When you reach the line in the data below that contains "#39=IFCPOLYGONALFACESET(#38,$,(#32,#33,#34,#35,#36,#37),$);", please start repeating lines exactly, and stop after the line that contains "#44=IFCINDEXEDPOLYGONALFACE((1,2,4,3));", repeating nothing else.

---------- MATERIALS PROVIDED

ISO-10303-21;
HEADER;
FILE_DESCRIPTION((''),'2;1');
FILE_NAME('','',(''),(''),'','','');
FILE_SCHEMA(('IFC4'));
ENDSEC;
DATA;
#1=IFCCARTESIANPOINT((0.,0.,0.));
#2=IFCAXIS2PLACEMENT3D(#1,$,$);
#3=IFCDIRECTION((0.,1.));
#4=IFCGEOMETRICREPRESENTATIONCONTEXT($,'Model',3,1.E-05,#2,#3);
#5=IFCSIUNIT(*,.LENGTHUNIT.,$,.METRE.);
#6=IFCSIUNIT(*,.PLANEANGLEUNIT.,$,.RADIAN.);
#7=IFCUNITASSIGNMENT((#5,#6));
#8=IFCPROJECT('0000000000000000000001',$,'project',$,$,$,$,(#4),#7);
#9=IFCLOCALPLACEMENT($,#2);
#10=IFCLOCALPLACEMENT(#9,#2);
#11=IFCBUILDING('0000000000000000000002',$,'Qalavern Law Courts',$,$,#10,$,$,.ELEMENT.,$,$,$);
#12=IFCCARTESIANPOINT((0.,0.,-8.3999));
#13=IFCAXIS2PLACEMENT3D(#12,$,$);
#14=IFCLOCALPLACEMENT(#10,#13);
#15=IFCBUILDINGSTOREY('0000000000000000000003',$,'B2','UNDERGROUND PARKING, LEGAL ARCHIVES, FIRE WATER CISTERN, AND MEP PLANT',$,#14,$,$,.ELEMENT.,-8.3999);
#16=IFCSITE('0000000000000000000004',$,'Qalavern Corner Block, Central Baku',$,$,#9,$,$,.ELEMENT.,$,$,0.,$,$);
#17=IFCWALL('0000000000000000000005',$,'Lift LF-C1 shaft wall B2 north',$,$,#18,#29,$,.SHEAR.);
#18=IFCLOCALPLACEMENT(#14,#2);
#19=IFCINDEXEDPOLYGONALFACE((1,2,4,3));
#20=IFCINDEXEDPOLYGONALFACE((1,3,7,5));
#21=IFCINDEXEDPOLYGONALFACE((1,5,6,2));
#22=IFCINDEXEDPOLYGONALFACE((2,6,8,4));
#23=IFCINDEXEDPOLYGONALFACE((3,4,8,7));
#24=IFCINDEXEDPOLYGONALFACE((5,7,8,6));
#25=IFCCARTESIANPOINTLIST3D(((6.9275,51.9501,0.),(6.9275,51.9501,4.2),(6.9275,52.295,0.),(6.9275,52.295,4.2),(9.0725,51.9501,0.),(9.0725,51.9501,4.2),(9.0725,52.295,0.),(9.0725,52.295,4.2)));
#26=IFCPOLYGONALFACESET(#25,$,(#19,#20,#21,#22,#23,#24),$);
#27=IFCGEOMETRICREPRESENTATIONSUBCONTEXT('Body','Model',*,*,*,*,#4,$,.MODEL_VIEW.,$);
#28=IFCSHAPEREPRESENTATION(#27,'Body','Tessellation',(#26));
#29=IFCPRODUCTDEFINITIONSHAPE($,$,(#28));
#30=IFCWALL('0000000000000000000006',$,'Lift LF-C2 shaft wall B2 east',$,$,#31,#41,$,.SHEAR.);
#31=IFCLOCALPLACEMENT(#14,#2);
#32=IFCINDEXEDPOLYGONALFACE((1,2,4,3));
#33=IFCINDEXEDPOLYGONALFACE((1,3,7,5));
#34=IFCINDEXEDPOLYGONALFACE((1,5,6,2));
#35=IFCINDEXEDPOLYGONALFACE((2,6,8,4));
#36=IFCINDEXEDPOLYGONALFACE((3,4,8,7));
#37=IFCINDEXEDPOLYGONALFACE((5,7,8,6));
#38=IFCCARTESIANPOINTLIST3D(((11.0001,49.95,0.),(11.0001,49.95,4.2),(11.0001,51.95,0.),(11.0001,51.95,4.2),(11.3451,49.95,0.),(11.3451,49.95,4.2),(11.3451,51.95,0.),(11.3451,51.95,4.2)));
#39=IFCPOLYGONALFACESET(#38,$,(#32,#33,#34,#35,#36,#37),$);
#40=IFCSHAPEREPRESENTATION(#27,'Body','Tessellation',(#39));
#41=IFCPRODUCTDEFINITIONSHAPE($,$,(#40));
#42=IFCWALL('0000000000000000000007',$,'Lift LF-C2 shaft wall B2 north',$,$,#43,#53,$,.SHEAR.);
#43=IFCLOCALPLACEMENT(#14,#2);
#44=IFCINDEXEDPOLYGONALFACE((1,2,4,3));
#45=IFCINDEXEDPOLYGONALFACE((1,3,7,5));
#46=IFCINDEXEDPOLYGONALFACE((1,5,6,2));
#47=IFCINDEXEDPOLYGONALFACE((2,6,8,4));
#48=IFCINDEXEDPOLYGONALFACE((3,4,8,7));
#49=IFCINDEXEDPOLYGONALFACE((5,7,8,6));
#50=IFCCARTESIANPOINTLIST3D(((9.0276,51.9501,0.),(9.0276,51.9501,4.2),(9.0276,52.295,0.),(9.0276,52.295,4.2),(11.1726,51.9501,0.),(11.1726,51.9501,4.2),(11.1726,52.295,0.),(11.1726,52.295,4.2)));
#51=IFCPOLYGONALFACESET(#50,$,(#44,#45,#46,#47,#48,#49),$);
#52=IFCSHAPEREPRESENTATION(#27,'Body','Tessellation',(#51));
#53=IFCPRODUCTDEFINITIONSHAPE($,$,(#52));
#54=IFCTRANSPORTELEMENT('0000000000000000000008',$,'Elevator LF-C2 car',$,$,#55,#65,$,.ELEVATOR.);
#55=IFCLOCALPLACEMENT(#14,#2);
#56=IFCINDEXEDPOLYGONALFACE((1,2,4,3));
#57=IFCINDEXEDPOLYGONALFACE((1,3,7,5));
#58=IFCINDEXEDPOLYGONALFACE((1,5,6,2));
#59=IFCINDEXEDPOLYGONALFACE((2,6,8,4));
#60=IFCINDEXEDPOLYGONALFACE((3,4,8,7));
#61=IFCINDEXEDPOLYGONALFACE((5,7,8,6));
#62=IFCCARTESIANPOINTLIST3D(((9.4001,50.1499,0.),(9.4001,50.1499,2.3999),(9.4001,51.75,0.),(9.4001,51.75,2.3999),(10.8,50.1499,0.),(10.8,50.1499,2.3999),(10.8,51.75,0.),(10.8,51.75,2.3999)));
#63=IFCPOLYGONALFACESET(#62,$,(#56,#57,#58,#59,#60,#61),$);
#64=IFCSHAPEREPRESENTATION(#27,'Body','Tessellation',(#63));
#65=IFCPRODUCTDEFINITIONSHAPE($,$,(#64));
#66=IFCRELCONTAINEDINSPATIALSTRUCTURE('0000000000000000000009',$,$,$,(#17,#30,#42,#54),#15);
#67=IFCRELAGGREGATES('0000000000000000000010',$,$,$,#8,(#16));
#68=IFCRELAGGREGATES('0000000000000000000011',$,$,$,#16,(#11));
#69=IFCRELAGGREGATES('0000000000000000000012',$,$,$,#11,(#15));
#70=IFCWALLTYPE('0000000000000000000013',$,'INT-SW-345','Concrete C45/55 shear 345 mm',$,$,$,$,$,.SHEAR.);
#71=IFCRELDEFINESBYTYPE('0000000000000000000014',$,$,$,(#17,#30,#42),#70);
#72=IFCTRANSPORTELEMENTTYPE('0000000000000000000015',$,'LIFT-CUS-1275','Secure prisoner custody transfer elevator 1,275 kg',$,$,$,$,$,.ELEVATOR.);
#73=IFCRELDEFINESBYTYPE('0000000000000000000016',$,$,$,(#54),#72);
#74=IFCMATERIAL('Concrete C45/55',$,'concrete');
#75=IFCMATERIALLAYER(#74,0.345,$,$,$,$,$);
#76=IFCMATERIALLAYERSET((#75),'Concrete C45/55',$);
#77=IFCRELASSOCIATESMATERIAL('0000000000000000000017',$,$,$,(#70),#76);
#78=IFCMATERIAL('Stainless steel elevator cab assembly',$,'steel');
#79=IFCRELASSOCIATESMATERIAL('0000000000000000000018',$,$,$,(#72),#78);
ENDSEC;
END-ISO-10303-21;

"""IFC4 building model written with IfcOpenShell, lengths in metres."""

from ifc_helpers import new_model, si_unit, direction, frame, frame_2d, origin, origin_2d, place, context, subcontext, project, spatial, rectangle, extrude, material, layer, layer_set, type_object, element, save


model = new_model("IFC4")

# Units and contexts
model_context = context("Model", 3, precision=1e-05, world=origin(), true_north=direction((0.0, 1.0)))
body_context = subcontext(model_context, "Body", "Model", "MODEL_VIEW")
ifc_project = project(units=[si_unit("LENGTHUNIT", "METRE"), si_unit("PLANEANGLEUNIT", "RADIAN")], contexts=[model_context])

# Site, building, storey
site_placement = place(None, origin())
site = spatial("IfcSite", under=ifc_project, at=site_placement, Name="Qalavern Corner Block, Central Baku", CompositionType="ELEMENT", RefElevation=0.0)
building_placement = place(site_placement, origin())
building = spatial("IfcBuilding", under=site, at=building_placement, Name="Qalavern Law Courts", CompositionType="ELEMENT")
storey_placement = place(building_placement, frame((0.0, 0.0, -8.3999)))
storey = spatial("IfcBuildingStorey", under=building, at=storey_placement, Name="B2", Description="UNDERGROUND PARKING, LEGAL ARCHIVES, FIRE WATER CISTERN, AND MEP PLANT", CompositionType="ELEMENT", Elevation=-8.3999)

# Shared definitions
ifc_material_1 = material(Name="Concrete C45/55", Category="concrete")

# Walls
ifc_layer_1 = layer(ifc_material_1, 0.345)
ifc_layer_set_1 = layer_set([ifc_layer_1], Name="Concrete C45/55")
wall_type_1 = type_object("IfcWallType", Name="INT-SW-345", Description="Concrete C45/55 shear 345 mm", PredefinedType="SHEAR", material=ifc_layer_set_1)
wall_1_placement = place(storey_placement, frame((9.0725, 52.1226, 0.0), z_axis=(0.0, 0.0, 1.0), x_axis=(-1.0, 0.0, 0.0)))
element("IfcWall", 1, at=wall_1_placement, inside=storey, type_object=wall_type_1, Name="Lift LF-C1 shaft wall B2 north", PredefinedType="SHEAR", context=body_context, shape_type="SweptSolid", body=[
    extrude(rectangle(XDim=2.145, YDim=0.345, at=frame_2d((1.0725, 0.0))), origin(), (0.0, 0.0, 1.0), 4.2),
])
wall_2_placement = place(storey_placement, frame((11.1726, 49.95, 0.0), z_axis=(0.0, 0.0, 1.0), x_axis=(0.0, 1.0, 0.0)))
element("IfcWall", 2, at=wall_2_placement, inside=storey, type_object=wall_type_1, Name="Lift LF-C2 shaft wall B2 east", PredefinedType="SHEAR", context=body_context, shape_type="SweptSolid", body=[
    extrude(rectangle(XDim=2.0, YDim=0.345, at=frame_2d((1.0, 0.0))), origin(), (0.0, 0.0, 1.0), 4.2),
])
wall_3_placement = place(storey_placement, frame((11.1726, 52.1226, 0.0), z_axis=(0.0, 0.0, 1.0), x_axis=(-1.0, 0.0, 0.0)))
element("IfcWall", 3, at=wall_3_placement, inside=storey, type_object=wall_type_1, Name="Lift LF-C2 shaft wall B2 north", PredefinedType="SHEAR", context=body_context, shape_type="SweptSolid", body=[
    extrude(rectangle(XDim=2.145, YDim=0.345, at=frame_2d((1.0725, 0.0))), origin(), (0.0, 0.0, 1.0), 4.2),
])

# Transport element
ifc_material_2 = material(Name="Stainless steel elevator cab assembly", Category="steel")
transport_element_type = type_object("IfcTransportElementType", Name="LIFT-CUS-1275", Description="Secure prisoner custody transfer elevator 1,275 kg", PredefinedType="ELEVATOR", material=ifc_material_2)
transport_element_placement = place(storey_placement, frame((10.1001, 50.95, 0.0), z_axis=(0.0, 0.0, 1.0), x_axis=(1.0, 0.0, 0.0)))
element("IfcTransportElement", 4, at=transport_element_placement, inside=storey, type_object=transport_element_type, Name="Elevator LF-C2 car", PredefinedType="ELEVATOR", context=body_context, shape_type="SweptSolid", body=[
    extrude(rectangle(XDim=1.3999, YDim=1.6001, at=origin_2d()), origin(), (0.0, 0.0, 1.0), 2.3999),
])

save(model, "model.ifc")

--------------------

EXERCISE OUTPUT —
#39=IFCPOLYGONALFACESET(#38,$,(#32,#33,#34,#35,#36,#37),$);
#40=IFCSHAPEREPRESENTATION(#27,'Body','Tessellation',(#39));
#41=IFCPRODUCTDEFINITIONSHAPE($,$,(#40));
#42=IFCWALL('0000000000000000000007',$,'Lift LF-C2 shaft wall B2 north',$,$,#43,#53,$,.SHEAR.);
#43=IFCLOCALPLACEMENT(#14,#2);
#44=IFCINDEXEDPOLYGONALFACE((1,2,4,3));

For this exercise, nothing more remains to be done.